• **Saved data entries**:
• • • •

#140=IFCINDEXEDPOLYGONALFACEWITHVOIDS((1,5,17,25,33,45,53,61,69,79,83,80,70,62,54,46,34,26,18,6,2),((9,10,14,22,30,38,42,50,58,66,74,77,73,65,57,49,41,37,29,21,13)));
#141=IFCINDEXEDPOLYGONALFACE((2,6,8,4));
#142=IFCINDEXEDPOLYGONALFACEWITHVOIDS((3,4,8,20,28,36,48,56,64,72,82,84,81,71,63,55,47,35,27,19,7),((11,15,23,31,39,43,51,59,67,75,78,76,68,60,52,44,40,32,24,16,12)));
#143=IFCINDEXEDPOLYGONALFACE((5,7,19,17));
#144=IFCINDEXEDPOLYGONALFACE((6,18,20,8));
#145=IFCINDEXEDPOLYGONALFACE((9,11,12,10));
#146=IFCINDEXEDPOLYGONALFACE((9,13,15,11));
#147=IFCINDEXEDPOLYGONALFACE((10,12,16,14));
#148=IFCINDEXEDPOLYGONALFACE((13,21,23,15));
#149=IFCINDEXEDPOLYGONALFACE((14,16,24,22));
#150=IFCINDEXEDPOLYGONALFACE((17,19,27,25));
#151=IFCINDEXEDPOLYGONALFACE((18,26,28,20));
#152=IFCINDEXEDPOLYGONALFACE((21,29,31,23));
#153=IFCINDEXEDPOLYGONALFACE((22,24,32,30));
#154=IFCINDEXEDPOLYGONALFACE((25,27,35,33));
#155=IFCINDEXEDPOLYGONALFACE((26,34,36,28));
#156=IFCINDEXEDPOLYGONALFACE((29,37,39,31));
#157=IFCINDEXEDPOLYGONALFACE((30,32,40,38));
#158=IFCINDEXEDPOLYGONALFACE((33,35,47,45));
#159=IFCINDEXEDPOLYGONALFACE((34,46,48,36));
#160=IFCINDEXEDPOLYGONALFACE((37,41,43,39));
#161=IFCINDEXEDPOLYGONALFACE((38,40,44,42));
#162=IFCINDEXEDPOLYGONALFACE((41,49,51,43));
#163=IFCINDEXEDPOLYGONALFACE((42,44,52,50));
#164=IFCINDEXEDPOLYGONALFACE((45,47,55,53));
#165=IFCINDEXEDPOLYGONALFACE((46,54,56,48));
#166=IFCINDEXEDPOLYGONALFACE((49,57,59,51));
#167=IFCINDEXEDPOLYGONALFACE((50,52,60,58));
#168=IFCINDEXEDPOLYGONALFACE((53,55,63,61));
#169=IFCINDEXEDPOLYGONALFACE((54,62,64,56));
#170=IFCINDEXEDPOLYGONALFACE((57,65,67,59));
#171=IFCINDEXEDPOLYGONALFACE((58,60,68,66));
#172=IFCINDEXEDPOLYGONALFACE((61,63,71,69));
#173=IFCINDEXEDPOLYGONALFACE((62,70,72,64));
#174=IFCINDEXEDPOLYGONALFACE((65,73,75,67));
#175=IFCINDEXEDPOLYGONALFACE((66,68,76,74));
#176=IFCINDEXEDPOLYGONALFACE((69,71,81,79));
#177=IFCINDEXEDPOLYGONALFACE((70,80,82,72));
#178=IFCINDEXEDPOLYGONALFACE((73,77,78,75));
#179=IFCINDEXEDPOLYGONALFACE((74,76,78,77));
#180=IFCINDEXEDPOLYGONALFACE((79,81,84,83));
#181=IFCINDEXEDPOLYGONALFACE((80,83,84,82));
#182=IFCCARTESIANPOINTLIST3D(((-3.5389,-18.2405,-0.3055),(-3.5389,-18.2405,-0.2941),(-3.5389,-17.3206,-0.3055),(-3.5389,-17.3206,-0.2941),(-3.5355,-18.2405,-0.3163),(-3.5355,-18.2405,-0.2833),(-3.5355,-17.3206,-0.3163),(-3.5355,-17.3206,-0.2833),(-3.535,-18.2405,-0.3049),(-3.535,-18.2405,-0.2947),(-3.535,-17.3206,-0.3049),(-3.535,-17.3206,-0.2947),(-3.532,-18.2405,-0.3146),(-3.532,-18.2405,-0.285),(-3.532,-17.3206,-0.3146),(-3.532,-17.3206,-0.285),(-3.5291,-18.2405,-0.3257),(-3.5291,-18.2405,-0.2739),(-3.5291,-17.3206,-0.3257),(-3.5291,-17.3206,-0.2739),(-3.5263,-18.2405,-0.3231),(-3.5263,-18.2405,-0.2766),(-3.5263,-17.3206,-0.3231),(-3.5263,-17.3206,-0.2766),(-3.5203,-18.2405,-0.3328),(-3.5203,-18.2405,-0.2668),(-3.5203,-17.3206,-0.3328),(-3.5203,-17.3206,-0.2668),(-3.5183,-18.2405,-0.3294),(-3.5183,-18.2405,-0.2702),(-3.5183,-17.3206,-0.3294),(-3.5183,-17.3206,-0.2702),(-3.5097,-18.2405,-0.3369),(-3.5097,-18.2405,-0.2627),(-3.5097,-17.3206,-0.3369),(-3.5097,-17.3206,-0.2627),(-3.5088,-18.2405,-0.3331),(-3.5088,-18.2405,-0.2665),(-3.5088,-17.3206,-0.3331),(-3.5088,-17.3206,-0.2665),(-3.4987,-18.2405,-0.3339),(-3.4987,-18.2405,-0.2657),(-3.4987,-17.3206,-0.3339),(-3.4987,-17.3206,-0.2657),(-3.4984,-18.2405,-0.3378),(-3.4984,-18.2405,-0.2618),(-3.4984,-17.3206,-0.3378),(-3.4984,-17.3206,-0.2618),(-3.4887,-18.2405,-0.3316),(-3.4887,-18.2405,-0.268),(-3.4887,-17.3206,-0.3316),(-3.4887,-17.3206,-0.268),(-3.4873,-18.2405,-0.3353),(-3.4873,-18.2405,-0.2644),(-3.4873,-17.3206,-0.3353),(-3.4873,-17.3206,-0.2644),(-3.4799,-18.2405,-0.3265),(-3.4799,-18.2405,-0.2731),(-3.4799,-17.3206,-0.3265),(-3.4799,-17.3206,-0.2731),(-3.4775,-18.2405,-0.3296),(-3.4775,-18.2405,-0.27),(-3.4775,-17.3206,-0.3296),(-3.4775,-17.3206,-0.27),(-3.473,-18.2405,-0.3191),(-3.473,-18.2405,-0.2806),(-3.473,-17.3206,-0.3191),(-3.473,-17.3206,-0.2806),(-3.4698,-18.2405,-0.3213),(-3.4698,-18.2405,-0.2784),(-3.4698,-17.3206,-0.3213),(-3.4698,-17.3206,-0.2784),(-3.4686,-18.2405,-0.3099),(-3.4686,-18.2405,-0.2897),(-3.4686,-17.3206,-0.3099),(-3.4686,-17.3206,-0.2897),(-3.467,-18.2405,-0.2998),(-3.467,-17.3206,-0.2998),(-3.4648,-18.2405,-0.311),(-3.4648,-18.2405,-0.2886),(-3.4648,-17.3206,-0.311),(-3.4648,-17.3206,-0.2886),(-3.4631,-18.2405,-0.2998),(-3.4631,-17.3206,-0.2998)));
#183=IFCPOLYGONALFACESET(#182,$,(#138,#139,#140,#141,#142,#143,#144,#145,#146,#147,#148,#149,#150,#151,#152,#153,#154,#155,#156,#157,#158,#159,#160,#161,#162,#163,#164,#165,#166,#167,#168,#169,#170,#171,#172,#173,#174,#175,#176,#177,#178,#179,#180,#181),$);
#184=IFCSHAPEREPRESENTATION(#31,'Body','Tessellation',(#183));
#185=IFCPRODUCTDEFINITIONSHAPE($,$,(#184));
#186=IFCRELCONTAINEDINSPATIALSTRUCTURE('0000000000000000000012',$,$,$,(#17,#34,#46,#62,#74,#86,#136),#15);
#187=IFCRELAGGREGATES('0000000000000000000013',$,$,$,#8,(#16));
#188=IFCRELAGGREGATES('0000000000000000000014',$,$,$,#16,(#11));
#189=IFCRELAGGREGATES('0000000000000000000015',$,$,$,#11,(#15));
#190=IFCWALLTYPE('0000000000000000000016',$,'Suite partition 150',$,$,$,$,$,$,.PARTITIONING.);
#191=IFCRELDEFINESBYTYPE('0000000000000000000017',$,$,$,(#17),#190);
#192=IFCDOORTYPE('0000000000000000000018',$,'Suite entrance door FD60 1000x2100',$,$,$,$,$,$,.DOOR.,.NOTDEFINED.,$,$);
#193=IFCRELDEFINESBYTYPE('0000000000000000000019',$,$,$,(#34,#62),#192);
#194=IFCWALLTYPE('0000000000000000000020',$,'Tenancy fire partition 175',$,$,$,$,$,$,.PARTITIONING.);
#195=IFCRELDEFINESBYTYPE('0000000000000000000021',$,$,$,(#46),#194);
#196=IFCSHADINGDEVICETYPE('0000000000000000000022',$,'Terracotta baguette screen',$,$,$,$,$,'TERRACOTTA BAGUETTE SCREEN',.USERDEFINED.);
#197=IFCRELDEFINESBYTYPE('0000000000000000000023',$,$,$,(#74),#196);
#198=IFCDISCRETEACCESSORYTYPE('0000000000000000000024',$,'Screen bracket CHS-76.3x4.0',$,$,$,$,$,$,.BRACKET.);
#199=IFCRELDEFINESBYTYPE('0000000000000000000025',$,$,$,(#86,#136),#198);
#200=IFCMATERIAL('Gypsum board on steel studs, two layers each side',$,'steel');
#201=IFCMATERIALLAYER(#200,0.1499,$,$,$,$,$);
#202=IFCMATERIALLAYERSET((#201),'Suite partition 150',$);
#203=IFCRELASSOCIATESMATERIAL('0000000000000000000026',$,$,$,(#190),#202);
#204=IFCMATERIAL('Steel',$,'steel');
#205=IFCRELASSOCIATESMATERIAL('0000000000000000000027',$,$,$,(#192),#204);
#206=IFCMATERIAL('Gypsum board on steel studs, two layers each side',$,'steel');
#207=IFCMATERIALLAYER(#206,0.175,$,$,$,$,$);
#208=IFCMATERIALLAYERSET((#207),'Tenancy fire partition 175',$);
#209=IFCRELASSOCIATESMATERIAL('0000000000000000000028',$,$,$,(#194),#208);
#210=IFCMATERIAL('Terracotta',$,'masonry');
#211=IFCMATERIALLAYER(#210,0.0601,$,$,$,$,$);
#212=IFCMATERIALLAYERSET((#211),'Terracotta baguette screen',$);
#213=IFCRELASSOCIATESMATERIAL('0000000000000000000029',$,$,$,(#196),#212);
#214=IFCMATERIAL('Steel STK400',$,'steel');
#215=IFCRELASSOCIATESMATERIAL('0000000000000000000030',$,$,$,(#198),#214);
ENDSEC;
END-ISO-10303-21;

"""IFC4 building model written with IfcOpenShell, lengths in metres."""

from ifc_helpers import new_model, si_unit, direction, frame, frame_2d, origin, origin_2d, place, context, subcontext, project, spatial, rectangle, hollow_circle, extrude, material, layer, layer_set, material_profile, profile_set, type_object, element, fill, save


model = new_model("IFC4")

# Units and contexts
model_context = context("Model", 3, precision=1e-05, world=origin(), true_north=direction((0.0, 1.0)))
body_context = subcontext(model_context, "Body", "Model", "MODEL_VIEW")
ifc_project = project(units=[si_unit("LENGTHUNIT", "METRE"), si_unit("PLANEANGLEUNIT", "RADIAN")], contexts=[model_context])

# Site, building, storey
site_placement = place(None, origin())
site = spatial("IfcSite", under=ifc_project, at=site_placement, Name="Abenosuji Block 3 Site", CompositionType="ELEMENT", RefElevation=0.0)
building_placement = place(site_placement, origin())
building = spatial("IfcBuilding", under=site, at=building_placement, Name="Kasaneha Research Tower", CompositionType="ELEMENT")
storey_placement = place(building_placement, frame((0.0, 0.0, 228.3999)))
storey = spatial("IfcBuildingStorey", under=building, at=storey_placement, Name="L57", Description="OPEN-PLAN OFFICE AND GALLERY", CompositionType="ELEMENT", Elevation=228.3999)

• • • •

• **Assigned task**:
Please transcribe the data above without changes, from its first line to its "#141=IFCINDEXEDPOLYGONALFACE((2,6,8,4));" line, and leave out anything past that.

• **Exercise result**:
#140=IFCINDEXEDPOLYGONALFACEWITHVOIDS((1,5,17,25,33,45,53,61,69,79,83,80,70,62,54,46,34,26,18,6,2),((9,10,14,22,30,38,42,50,58,66,74,77,73,65,57,49,41,37,29,21,13)));
#141=IFCINDEXEDPOLYGONALFACE((2,6,8,4));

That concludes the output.